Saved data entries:
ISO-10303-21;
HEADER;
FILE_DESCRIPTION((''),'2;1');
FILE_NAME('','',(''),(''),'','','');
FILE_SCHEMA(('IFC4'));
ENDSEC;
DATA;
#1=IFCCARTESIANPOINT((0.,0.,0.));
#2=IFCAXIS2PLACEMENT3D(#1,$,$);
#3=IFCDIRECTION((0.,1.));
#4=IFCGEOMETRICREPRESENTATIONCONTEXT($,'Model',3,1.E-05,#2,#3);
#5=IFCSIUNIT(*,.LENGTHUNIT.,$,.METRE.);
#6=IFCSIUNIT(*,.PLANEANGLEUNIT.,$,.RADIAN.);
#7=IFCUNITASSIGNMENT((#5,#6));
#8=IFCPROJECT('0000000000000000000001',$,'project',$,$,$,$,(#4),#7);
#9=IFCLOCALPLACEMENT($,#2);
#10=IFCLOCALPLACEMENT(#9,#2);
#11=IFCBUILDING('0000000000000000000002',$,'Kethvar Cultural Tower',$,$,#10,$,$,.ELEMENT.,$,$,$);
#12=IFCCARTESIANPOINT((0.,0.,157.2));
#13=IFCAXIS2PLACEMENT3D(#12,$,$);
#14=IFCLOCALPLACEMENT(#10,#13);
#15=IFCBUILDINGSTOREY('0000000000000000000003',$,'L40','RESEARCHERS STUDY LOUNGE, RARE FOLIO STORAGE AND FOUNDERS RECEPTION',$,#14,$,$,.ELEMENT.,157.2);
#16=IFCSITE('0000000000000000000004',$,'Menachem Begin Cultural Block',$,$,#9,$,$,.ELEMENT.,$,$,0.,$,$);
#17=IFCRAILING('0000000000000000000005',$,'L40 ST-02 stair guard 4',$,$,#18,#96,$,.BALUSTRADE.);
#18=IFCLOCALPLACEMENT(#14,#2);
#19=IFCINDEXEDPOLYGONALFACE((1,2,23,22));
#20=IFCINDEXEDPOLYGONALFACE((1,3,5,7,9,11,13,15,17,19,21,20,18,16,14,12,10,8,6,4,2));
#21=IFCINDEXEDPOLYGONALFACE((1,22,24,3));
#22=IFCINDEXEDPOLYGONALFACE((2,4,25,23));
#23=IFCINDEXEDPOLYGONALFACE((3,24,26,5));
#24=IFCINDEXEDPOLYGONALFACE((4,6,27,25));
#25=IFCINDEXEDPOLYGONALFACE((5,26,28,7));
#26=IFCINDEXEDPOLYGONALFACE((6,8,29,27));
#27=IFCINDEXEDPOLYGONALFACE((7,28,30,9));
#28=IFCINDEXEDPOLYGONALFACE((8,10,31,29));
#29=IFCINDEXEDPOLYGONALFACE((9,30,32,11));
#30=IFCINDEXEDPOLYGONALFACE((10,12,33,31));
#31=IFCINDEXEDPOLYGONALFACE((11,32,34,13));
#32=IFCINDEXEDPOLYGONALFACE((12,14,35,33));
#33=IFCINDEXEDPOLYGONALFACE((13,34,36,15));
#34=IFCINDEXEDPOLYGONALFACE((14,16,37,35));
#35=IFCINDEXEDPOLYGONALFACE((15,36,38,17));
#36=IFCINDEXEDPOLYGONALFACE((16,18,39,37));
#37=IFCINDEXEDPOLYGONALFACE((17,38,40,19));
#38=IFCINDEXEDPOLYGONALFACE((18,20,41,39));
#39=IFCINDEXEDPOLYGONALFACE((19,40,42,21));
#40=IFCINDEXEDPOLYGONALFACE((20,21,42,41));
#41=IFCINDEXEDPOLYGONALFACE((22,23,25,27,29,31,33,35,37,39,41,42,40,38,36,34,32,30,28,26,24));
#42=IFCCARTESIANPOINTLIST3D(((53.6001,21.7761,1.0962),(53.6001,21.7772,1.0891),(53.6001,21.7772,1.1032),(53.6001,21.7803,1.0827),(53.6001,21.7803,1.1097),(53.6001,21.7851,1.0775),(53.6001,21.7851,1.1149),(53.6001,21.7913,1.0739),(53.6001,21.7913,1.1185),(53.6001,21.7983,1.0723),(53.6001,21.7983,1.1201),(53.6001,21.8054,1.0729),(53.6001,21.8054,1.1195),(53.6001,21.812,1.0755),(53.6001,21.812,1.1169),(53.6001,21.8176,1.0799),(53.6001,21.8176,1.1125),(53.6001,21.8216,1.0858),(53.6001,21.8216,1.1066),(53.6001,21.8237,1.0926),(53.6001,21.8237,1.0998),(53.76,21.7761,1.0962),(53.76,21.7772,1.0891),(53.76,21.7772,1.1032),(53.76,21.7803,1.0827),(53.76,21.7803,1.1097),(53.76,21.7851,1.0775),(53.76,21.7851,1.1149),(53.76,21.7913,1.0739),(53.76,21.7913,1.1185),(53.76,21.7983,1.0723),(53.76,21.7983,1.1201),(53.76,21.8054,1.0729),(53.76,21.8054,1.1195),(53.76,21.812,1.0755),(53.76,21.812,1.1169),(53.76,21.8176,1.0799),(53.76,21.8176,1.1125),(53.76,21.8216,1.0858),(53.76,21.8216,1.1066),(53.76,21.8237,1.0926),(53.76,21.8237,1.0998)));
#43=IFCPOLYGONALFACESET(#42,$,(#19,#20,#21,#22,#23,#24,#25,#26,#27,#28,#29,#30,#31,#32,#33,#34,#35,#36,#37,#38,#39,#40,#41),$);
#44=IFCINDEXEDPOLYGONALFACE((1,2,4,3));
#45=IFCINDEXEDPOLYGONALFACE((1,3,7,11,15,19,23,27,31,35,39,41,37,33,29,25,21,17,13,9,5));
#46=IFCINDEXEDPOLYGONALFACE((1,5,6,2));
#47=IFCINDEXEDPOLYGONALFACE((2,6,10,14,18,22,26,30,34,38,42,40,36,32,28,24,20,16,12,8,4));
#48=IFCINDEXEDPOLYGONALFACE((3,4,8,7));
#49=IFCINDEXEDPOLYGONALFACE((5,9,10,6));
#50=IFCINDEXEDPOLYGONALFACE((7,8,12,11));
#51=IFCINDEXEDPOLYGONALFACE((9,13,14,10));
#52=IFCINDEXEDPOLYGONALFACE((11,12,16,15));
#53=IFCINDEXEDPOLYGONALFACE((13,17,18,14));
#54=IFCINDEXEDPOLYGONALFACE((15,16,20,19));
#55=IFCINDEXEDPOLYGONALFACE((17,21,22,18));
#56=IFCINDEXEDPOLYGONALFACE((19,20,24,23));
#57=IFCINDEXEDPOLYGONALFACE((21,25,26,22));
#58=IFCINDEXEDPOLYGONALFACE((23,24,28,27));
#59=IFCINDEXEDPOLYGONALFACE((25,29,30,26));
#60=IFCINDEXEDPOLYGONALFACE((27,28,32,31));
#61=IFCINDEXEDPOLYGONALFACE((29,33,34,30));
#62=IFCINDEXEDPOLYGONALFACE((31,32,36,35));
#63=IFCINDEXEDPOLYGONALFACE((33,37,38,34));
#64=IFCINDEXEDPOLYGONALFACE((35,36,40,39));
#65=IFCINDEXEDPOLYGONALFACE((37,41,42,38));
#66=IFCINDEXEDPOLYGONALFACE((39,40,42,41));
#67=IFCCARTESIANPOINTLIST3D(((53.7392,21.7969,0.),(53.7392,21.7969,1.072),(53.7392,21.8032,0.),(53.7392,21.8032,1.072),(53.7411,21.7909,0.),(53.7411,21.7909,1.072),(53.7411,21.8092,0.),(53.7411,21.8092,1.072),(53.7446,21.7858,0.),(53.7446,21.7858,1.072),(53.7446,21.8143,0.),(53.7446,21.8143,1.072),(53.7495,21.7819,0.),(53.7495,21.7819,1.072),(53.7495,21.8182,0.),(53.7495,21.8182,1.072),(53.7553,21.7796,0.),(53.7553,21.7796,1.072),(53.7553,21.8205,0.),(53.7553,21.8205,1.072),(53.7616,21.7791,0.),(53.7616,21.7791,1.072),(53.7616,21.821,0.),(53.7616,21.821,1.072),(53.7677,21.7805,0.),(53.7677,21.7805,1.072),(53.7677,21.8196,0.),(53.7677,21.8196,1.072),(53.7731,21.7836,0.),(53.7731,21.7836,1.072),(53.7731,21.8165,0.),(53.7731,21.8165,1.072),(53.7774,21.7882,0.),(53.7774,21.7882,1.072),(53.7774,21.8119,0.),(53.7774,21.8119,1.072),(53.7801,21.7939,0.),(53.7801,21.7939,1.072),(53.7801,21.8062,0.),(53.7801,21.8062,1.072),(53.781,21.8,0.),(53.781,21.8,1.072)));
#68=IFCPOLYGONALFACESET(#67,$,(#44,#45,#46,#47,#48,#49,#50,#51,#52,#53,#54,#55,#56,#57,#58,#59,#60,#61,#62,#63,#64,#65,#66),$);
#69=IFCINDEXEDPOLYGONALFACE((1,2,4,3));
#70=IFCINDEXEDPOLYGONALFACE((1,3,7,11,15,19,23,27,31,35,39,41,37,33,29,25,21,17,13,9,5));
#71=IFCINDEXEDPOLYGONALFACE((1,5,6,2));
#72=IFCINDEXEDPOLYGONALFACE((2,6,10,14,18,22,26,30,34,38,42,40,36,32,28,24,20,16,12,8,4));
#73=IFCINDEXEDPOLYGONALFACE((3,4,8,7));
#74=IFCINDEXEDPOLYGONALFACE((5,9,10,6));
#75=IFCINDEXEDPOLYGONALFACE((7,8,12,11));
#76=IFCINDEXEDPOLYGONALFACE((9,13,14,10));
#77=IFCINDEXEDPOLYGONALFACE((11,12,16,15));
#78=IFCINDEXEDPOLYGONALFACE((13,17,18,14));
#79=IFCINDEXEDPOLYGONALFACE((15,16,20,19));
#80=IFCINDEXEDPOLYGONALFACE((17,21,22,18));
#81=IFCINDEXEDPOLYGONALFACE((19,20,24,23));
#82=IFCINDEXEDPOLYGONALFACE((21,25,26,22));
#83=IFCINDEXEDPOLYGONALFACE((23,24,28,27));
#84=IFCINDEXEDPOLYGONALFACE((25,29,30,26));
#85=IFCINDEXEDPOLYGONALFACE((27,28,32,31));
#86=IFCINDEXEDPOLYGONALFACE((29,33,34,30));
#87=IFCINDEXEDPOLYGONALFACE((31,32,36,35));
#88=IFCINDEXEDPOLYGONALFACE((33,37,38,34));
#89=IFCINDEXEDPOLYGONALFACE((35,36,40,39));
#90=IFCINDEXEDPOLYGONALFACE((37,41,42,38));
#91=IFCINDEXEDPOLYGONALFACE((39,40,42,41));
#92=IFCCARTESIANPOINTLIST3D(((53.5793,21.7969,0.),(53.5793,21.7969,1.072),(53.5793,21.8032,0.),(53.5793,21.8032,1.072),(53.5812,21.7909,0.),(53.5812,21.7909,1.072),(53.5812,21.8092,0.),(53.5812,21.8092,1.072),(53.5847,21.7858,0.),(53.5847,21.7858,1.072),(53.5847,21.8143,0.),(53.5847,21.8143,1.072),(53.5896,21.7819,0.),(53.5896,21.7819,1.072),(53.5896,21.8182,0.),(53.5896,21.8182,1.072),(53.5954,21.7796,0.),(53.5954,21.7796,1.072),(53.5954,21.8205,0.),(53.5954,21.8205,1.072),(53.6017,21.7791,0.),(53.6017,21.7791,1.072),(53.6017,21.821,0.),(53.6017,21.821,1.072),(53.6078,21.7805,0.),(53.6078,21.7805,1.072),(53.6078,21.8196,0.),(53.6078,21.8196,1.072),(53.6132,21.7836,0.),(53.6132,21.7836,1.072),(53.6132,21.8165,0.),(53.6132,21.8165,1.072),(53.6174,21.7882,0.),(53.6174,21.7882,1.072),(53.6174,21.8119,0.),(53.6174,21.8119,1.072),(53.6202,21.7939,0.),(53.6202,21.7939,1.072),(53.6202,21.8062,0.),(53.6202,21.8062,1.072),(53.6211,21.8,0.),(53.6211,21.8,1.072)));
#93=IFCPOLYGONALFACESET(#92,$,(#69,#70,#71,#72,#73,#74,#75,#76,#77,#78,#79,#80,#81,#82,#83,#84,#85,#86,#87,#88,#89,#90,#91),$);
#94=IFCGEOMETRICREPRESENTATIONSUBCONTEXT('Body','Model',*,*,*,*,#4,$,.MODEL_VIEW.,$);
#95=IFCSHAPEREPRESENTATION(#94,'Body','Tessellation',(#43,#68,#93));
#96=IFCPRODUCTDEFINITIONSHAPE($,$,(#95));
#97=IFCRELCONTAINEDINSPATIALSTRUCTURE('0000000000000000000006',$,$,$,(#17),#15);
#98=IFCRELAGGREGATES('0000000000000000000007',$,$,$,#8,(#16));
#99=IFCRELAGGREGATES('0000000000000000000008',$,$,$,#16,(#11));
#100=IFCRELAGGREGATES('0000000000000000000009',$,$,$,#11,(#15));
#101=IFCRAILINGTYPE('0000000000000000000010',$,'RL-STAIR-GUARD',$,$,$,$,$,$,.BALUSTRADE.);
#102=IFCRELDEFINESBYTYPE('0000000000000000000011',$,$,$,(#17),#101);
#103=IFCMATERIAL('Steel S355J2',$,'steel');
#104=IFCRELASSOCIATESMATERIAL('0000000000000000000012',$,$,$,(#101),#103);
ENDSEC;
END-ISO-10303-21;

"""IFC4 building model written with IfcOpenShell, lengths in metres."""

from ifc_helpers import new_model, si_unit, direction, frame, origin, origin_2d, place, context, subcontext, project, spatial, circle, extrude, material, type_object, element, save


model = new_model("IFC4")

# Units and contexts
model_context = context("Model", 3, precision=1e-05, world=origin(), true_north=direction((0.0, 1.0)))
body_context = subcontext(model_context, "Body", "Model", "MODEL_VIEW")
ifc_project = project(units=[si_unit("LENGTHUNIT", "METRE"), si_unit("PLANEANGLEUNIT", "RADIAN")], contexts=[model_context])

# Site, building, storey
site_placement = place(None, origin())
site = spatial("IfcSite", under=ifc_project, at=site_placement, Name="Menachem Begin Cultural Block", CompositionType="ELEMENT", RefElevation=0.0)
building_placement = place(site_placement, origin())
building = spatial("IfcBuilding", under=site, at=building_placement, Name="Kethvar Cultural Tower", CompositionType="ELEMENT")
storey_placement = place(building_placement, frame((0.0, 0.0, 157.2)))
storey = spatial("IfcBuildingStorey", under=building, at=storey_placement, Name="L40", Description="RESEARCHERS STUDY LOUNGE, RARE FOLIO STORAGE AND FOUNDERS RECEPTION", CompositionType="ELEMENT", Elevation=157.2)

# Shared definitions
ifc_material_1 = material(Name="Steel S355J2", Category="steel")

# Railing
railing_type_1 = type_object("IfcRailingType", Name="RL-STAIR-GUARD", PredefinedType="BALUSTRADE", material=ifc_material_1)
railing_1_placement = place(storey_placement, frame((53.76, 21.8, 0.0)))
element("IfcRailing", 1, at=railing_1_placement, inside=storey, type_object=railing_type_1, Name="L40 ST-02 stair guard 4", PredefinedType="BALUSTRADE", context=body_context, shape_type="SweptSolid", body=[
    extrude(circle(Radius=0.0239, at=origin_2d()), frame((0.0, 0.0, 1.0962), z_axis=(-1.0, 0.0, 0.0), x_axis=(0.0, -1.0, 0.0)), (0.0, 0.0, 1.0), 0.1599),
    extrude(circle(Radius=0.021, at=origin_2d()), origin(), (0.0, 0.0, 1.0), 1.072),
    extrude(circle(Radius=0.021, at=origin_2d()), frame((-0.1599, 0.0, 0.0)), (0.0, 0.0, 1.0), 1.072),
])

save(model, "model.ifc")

- _Requirement_
Extract from the records above the lines from the one containing "#27=IFCINDEXEDPOLYGONALFACE((7,28,30,9));" to the one containing "#36=IFCINDEXEDPOLYGONALFACE((16,18,39,37));", both lines included, exactly as they appear and with nothing else.

- _Result of the task_
#27=IFCINDEXEDPOLYGONALFACE((7,28,30,9));
#28=IFCINDEXEDPOLYGONALFACE((8,10,31,29));
#29=IFCINDEXEDPOLYGONALFACE((9,30,32,11));
#30=IFCINDEXEDPOLYGONALFACE((10,12,33,31));
#31=IFCINDEXEDPOLYGONALFACE((11,32,34,13));
#32=IFCINDEXEDPOLYGONALFACE((12,14,35,33));
#33=IFCINDEXEDPOLYGONALFACE((13,34,36,15));
#34=IFCINDEXEDPOLYGONALFACE((14,16,37,35));
#35=IFCINDEXEDPOLYGONALFACE((15,36,38,17));
#36=IFCINDEXEDPOLYGONALFACE((16,18,39,37));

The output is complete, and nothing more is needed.